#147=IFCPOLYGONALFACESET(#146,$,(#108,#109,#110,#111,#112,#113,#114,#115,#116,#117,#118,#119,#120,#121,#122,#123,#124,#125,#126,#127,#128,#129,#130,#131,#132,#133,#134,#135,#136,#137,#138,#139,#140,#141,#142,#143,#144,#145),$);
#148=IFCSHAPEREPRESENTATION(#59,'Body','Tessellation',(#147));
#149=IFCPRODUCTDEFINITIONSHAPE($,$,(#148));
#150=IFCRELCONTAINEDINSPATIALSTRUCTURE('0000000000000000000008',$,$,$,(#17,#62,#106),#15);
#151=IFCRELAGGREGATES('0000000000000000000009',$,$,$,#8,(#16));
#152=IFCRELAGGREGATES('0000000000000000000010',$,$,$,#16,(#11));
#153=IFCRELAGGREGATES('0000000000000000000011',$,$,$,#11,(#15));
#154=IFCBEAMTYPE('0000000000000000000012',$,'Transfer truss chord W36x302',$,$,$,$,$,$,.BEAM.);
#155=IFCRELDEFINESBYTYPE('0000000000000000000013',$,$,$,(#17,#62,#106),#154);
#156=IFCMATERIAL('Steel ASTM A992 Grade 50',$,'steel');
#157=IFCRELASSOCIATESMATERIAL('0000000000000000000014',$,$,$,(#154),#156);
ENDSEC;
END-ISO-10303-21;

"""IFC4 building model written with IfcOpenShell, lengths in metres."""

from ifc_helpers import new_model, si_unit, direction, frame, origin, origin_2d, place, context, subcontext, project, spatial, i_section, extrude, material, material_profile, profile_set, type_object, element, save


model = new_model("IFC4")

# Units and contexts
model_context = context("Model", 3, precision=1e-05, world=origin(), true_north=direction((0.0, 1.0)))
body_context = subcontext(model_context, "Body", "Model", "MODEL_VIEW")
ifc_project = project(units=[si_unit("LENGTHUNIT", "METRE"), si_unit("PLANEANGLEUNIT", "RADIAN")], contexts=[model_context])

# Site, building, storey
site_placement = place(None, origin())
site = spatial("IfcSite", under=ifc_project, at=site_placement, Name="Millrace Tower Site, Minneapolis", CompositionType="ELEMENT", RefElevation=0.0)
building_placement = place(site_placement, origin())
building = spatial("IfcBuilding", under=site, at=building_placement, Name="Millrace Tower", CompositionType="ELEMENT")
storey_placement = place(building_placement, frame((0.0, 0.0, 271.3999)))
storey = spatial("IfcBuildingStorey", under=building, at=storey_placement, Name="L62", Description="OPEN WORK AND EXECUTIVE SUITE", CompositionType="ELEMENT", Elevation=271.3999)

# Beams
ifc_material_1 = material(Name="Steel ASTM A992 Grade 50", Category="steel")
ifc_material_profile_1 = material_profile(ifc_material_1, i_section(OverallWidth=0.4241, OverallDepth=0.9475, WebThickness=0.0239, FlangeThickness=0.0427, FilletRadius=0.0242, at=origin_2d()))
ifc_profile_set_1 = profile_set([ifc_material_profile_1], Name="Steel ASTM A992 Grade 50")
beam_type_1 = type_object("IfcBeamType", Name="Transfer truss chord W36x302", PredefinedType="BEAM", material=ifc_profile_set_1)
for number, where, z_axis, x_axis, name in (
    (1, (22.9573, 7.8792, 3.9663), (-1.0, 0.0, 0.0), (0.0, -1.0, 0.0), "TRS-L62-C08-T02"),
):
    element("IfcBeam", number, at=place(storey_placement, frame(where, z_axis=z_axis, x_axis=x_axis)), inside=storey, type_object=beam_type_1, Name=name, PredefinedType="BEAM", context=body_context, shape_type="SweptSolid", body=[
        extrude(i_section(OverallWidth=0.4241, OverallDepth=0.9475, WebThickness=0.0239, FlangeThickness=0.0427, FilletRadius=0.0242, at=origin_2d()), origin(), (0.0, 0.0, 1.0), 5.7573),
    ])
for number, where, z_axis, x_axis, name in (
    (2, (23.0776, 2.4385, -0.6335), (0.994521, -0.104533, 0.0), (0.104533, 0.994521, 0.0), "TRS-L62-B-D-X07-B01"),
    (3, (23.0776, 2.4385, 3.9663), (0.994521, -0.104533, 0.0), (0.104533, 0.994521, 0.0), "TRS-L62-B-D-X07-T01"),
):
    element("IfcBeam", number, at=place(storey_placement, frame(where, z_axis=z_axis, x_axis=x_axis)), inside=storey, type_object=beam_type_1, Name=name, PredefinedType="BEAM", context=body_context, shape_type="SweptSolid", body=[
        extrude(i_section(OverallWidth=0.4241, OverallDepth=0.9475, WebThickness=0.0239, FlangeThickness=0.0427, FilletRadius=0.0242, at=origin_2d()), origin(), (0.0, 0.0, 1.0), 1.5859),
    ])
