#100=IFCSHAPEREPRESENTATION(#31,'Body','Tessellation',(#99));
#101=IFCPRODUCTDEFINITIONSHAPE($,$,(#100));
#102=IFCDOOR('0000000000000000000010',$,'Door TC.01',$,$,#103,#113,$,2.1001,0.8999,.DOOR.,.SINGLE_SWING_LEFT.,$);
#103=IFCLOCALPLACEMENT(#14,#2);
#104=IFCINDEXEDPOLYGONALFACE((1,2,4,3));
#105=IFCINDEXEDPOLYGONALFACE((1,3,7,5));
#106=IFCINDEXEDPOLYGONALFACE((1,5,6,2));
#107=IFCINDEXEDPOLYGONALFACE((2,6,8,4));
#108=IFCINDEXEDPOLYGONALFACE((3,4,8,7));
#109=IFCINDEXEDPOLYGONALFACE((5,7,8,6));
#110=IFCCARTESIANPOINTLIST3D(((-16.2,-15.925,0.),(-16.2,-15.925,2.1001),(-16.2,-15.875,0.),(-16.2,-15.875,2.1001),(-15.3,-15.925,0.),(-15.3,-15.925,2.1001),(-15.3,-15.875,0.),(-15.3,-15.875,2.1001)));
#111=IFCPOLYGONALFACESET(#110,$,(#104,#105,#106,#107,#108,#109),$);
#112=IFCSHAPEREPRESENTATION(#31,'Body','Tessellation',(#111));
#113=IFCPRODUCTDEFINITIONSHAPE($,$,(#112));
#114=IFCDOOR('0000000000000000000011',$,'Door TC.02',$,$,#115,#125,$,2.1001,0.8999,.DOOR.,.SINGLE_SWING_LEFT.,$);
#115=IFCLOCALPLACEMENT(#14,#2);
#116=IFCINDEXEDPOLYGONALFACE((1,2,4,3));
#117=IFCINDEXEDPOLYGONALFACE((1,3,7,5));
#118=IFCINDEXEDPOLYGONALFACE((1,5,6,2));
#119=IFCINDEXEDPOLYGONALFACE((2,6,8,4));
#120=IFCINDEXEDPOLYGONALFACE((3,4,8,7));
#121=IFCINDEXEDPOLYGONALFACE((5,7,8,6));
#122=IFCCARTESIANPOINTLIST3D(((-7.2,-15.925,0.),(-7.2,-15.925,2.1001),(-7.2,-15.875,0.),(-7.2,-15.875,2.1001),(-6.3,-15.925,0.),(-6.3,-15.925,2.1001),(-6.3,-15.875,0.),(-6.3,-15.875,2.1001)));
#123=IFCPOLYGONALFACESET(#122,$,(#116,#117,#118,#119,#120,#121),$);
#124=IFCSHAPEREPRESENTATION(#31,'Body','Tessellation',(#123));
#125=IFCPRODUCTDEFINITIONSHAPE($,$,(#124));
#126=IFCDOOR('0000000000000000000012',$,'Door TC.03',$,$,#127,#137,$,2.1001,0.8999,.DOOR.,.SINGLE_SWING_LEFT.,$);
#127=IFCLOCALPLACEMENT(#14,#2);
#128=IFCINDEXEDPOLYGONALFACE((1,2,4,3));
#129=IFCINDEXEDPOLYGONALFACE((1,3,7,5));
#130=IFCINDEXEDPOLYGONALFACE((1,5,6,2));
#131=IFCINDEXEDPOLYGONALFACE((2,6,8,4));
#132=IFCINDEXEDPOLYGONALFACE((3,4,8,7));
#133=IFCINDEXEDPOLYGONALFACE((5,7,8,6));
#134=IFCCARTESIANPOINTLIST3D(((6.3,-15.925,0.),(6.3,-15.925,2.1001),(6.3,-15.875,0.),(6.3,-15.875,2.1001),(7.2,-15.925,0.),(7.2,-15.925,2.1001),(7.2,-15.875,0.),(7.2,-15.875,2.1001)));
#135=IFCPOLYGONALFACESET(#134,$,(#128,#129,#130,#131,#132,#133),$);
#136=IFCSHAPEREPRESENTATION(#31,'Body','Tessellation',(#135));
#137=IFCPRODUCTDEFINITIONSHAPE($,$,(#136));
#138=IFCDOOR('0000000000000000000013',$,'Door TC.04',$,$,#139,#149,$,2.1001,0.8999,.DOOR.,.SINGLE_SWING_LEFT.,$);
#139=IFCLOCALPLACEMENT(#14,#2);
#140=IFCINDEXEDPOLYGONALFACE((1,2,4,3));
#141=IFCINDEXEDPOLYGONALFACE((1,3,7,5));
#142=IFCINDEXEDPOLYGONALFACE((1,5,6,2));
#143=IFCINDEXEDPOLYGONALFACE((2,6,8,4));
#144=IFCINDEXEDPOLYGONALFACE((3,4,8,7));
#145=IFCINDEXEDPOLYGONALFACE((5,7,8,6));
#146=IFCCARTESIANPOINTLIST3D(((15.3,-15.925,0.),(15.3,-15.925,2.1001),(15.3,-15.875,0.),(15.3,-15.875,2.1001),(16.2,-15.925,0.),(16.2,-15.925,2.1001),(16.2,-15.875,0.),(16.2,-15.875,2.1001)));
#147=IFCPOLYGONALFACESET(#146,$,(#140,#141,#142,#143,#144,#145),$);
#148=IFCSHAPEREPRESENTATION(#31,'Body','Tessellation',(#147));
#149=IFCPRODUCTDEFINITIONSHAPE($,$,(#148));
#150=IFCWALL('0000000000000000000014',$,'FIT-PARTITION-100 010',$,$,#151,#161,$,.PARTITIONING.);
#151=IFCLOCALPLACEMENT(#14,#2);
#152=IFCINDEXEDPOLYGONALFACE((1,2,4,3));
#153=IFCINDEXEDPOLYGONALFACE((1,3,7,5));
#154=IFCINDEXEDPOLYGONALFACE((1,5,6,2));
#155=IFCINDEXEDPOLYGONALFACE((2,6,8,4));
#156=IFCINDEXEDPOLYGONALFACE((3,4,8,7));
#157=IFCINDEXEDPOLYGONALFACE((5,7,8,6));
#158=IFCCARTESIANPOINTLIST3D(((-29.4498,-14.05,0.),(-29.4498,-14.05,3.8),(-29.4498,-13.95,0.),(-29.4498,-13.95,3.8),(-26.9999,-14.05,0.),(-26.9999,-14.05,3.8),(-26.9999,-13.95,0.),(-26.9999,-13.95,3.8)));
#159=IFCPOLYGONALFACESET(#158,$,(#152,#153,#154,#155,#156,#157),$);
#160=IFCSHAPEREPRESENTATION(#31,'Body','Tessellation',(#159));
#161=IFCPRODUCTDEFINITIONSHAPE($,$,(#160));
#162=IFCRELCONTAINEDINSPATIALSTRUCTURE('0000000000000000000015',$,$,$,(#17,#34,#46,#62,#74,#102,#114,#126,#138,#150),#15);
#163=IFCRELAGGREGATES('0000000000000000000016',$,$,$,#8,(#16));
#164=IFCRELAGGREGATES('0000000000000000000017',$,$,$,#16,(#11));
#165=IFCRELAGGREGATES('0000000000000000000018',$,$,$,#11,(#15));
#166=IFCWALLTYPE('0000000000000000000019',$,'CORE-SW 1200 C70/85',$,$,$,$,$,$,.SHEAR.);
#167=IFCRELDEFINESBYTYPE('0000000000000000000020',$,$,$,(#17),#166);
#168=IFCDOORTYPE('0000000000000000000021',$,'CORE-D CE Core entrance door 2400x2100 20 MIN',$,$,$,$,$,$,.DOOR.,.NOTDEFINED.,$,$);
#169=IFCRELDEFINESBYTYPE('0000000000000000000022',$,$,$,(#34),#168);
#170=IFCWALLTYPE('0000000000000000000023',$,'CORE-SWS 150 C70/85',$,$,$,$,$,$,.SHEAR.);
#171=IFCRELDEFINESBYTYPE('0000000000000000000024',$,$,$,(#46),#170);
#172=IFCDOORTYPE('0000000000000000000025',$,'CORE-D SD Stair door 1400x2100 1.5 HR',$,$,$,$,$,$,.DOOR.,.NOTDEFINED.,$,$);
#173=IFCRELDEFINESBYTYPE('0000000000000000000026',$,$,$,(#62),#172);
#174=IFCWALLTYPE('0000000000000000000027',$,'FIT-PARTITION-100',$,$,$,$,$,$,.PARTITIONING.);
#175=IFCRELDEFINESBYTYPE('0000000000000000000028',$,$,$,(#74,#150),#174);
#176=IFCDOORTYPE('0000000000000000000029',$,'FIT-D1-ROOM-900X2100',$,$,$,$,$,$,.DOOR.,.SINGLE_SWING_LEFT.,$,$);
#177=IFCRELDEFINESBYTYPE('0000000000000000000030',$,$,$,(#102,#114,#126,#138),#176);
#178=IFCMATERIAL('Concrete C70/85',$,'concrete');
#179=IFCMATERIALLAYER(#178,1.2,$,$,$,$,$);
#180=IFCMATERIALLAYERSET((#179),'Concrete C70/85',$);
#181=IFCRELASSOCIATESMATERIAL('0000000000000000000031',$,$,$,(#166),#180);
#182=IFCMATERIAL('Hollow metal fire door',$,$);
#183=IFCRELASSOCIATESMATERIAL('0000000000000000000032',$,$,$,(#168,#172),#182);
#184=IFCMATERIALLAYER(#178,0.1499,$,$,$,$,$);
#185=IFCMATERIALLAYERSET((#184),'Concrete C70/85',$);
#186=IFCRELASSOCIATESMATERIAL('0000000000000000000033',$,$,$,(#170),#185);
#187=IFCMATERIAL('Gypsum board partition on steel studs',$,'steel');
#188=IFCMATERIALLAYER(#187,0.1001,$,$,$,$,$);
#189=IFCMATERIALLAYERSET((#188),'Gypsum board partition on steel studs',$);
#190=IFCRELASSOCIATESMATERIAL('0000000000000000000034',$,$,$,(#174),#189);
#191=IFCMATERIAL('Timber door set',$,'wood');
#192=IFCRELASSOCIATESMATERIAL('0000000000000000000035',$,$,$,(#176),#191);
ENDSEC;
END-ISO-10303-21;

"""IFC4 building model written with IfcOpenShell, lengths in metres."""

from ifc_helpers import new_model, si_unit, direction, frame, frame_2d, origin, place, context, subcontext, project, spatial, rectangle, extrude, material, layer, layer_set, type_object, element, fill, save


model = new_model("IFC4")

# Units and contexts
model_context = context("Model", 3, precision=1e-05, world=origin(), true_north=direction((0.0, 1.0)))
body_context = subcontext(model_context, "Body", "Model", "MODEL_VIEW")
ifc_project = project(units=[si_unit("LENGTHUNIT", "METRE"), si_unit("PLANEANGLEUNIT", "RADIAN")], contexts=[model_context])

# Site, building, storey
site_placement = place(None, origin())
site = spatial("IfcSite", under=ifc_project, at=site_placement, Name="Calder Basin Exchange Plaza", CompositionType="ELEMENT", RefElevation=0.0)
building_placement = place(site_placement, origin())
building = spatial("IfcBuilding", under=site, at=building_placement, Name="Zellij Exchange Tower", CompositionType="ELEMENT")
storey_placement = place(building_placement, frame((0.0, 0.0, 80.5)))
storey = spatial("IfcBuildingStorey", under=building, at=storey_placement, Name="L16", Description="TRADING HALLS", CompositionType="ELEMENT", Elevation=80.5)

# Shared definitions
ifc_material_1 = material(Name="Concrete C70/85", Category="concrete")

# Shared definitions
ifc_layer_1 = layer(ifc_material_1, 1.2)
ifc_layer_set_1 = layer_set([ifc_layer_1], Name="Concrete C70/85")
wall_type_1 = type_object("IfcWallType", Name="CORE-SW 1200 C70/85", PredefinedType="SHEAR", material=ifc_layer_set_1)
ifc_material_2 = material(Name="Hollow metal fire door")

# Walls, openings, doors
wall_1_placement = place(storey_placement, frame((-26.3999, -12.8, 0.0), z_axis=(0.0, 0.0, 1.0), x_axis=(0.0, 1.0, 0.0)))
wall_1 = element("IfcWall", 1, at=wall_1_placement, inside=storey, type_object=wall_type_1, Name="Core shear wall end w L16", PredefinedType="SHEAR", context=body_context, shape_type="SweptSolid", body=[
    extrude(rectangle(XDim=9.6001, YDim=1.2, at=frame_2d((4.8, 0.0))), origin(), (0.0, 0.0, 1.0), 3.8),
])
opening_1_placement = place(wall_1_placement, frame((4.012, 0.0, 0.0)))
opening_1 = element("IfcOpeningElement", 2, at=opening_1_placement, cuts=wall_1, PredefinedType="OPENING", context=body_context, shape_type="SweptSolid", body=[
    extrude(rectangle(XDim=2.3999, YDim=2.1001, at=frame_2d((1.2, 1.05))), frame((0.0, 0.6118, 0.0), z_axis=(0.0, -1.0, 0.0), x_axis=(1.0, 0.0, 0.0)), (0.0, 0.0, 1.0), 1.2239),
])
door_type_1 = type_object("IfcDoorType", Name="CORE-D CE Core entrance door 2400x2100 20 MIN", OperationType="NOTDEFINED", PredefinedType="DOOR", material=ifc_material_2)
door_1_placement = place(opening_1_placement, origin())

- - - -

• Problem: Exactly as they appear, retype the lines from the start of the records through the line containing "#156=IFCMATERIAL('Steel ASTM A992".

• Response:
#147=IFCPOLYGONALFACESET(#146,$,(#108,#109,#110,#111,#112,#113,#114,#115,#116,#117,#118,#119,#120,#121,#122,#123,#124,#125,#126,#127,#128,#129,#130,#131,#132,#133,#134,#135,#136,#137,#138,#139,#140,#141,#142,#143,#144,#145),$);
#148=IFCSHAPEREPRESENTATION(#59,'Body','Tessellation',(#147));
#149=IFCPRODUCTDEFINITIONSHAPE($,$,(#148));
#150=IFCRELCONTAINEDINSPATIALSTRUCTURE('0000000000000000000008',$,$,$,(#17,#62,#106),#15);
#151=IFCRELAGGREGATES('0000000000000000000009',$,$,$,#8,(#16));
#152=IFCRELAGGREGATES('0000000000000000000010',$,$,$,#16,(#11));
#153=IFCRELAGGREGATES('0000000000000000000011',$,$,$,#11,(#15));
#154=IFCBEAMTYPE('0000000000000000000012',$,'Transfer truss chord W36x302',$,$,$,$,$,$,.BEAM.);
#155=IFCRELDEFINESBYTYPE('0000000000000000000013',$,$,$,(#17,#62,#106),#154);
#156=IFCMATERIAL('Steel ASTM A992 Grade 50',$,'steel');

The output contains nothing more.